**WORK TO BE COMPLETED:** Look below for the line containing "#107=IFCINDEXEDPOLYGONALFACE((4,6,14,12));"; from there, print each line exactly up to and including the line containing "#111=IFCINDEXEDPOLYGONALFACE((9,11,12,14,13,15,16,10));", and stop.

Saved entries
....

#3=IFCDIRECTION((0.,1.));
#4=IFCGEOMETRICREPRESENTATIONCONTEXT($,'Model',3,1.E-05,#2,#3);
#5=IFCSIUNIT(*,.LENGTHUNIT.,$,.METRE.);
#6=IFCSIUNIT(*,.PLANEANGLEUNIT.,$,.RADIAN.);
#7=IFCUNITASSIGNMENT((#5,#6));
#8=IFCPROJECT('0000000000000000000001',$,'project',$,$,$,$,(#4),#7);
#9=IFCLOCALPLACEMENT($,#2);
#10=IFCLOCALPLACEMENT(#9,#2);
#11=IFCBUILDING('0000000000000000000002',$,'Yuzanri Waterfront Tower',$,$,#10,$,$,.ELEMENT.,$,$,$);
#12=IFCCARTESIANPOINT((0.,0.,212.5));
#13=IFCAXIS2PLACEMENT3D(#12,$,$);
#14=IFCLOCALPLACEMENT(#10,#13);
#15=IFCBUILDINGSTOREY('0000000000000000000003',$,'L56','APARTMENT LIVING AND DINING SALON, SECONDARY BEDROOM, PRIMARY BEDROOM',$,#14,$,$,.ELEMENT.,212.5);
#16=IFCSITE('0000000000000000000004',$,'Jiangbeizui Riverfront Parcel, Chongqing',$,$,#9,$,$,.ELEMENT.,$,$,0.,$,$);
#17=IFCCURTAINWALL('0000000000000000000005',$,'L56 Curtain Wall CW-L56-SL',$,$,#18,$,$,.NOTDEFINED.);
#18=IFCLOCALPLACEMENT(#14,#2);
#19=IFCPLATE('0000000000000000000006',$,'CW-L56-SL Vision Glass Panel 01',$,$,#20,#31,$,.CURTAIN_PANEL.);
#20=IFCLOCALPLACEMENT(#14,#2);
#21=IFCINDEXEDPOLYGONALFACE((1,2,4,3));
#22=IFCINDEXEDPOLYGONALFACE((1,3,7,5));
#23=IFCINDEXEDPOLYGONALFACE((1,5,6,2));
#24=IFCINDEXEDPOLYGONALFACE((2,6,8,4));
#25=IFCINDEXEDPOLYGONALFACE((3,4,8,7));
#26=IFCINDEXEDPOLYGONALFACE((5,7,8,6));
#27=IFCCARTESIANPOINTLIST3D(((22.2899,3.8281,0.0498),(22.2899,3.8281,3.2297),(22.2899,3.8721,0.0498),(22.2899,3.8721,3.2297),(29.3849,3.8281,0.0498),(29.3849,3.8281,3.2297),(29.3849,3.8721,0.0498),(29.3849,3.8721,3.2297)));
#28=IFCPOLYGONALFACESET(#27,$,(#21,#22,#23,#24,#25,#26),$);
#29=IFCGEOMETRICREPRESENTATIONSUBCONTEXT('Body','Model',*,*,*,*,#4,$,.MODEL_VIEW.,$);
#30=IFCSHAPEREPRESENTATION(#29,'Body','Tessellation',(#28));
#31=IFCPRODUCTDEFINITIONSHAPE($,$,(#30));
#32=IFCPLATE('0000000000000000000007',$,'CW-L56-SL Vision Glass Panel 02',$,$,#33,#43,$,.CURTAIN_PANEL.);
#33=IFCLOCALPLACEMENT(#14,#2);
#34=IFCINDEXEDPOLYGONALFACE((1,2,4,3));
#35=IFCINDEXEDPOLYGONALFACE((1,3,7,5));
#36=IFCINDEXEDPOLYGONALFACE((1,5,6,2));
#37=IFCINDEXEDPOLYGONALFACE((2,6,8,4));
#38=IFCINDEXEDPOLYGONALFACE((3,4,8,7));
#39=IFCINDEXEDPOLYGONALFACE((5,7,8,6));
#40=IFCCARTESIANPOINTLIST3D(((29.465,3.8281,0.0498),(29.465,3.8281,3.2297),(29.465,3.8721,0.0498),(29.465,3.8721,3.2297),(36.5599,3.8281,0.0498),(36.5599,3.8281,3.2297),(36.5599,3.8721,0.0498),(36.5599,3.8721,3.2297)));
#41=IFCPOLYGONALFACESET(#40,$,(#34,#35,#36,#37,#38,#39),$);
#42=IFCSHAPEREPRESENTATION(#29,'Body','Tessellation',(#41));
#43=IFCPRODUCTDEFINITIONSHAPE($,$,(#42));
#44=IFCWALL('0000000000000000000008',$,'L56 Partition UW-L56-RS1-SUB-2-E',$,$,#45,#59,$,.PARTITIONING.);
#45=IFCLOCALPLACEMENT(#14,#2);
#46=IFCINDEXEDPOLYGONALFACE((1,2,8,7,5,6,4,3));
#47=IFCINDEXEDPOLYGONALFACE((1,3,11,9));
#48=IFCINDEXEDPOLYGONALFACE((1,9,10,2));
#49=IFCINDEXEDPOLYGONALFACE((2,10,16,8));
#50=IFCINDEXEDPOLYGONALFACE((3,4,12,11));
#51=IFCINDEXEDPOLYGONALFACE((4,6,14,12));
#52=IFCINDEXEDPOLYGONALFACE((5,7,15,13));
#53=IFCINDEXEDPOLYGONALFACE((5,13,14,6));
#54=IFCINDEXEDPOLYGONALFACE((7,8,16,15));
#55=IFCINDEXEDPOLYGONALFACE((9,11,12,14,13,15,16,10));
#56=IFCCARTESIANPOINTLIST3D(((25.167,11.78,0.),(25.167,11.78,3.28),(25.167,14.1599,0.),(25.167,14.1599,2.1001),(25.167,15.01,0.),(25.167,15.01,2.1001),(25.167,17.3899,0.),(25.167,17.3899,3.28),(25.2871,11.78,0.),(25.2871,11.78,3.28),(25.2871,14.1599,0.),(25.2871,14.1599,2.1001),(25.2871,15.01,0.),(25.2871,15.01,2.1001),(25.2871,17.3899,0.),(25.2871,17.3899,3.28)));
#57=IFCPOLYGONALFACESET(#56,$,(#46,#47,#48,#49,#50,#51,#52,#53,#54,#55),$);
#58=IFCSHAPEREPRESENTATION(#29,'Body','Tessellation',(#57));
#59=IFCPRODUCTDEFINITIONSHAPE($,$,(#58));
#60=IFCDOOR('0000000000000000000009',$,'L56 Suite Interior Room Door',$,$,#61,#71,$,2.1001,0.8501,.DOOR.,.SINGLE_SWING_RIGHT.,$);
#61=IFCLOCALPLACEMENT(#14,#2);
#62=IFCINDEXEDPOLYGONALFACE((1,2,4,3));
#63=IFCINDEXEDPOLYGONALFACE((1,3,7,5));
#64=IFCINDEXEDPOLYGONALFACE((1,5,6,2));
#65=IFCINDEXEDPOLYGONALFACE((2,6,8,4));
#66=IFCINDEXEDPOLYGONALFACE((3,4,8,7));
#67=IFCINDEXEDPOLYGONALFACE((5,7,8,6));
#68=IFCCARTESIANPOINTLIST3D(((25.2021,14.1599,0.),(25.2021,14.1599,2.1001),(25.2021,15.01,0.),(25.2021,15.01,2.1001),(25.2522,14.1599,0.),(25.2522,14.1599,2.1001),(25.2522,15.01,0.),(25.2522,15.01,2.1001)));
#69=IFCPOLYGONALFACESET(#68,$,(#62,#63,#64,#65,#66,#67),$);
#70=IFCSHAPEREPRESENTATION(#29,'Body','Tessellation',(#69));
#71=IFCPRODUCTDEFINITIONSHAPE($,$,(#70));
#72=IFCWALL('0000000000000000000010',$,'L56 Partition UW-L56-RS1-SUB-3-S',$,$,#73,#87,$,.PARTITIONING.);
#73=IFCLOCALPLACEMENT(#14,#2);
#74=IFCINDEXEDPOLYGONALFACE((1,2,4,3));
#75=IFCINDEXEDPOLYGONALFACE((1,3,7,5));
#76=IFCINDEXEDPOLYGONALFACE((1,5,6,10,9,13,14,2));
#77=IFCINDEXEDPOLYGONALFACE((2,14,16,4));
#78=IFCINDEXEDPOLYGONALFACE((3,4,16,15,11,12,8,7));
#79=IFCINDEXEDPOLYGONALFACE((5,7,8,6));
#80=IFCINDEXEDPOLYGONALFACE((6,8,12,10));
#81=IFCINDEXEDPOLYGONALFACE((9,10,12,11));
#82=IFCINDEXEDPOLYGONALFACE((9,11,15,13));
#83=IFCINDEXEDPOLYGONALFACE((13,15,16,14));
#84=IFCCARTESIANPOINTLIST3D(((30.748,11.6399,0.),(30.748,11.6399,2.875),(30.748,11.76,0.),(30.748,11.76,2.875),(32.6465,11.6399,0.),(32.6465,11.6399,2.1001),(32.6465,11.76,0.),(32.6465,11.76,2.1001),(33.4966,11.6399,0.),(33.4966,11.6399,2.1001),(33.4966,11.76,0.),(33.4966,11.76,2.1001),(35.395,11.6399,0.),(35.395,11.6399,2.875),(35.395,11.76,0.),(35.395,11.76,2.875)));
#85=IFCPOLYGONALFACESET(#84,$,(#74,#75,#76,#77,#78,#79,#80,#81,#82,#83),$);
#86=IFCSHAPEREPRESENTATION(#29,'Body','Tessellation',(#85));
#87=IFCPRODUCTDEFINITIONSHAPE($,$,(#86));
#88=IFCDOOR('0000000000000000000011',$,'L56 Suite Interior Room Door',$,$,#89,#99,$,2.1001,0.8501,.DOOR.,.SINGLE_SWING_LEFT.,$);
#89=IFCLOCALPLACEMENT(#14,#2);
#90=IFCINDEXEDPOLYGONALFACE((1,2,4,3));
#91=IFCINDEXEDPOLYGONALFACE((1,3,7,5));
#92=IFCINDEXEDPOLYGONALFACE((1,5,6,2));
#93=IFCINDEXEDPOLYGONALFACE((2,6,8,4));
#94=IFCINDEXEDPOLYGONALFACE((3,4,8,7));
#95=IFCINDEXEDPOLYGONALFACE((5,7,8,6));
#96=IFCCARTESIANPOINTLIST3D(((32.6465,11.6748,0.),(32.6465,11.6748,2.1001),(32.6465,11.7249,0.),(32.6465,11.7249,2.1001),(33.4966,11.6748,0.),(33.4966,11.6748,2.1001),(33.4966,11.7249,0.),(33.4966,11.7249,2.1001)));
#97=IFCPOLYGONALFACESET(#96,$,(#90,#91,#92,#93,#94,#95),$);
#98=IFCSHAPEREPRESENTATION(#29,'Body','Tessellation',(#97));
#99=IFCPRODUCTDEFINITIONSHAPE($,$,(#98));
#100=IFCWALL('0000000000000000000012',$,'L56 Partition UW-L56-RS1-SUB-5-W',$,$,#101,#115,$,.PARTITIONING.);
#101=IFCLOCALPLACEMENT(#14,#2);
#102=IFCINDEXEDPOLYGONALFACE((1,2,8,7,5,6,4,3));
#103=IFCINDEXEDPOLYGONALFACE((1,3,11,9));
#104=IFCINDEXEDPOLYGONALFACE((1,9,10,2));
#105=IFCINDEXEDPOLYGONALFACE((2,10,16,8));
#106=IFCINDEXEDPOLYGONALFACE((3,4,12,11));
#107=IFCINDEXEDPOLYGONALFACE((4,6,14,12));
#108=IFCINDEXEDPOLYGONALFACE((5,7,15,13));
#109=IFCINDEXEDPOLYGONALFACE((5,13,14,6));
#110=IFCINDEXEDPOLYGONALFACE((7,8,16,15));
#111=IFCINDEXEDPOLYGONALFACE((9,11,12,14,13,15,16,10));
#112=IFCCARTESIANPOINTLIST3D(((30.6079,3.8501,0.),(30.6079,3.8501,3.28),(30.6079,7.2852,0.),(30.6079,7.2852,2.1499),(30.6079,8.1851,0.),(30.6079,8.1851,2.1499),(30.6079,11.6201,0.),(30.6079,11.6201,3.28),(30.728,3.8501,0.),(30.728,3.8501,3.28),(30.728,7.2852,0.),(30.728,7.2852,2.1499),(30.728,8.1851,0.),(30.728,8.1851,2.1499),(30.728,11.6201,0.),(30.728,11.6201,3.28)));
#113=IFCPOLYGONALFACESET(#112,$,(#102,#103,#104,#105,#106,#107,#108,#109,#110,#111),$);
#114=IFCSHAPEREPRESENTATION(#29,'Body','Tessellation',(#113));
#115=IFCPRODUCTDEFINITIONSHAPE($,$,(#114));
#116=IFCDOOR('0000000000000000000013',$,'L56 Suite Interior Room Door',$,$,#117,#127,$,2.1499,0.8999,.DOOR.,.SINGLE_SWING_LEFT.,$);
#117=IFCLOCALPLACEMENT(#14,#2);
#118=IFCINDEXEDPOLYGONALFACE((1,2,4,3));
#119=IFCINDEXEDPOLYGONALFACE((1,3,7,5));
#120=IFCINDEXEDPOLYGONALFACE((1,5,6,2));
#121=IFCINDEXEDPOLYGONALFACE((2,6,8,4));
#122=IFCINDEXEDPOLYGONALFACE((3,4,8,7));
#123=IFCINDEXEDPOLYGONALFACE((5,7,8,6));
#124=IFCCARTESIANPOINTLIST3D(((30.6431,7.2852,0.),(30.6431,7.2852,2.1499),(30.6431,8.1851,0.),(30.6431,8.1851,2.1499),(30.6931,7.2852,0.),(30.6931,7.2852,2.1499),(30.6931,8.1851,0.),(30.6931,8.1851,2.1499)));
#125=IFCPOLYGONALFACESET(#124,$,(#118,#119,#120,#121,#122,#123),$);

....

**TASK OUTPUT:**
#107=IFCINDEXEDPOLYGONALFACE((4,6,14,12));
#108=IFCINDEXEDPOLYGONALFACE((5,7,15,13));
#109=IFCINDEXEDPOLYGONALFACE((5,13,14,6));
#110=IFCINDEXEDPOLYGONALFACE((7,8,16,15));
#111=IFCINDEXEDPOLYGONALFACE((9,11,12,14,13,15,16,10));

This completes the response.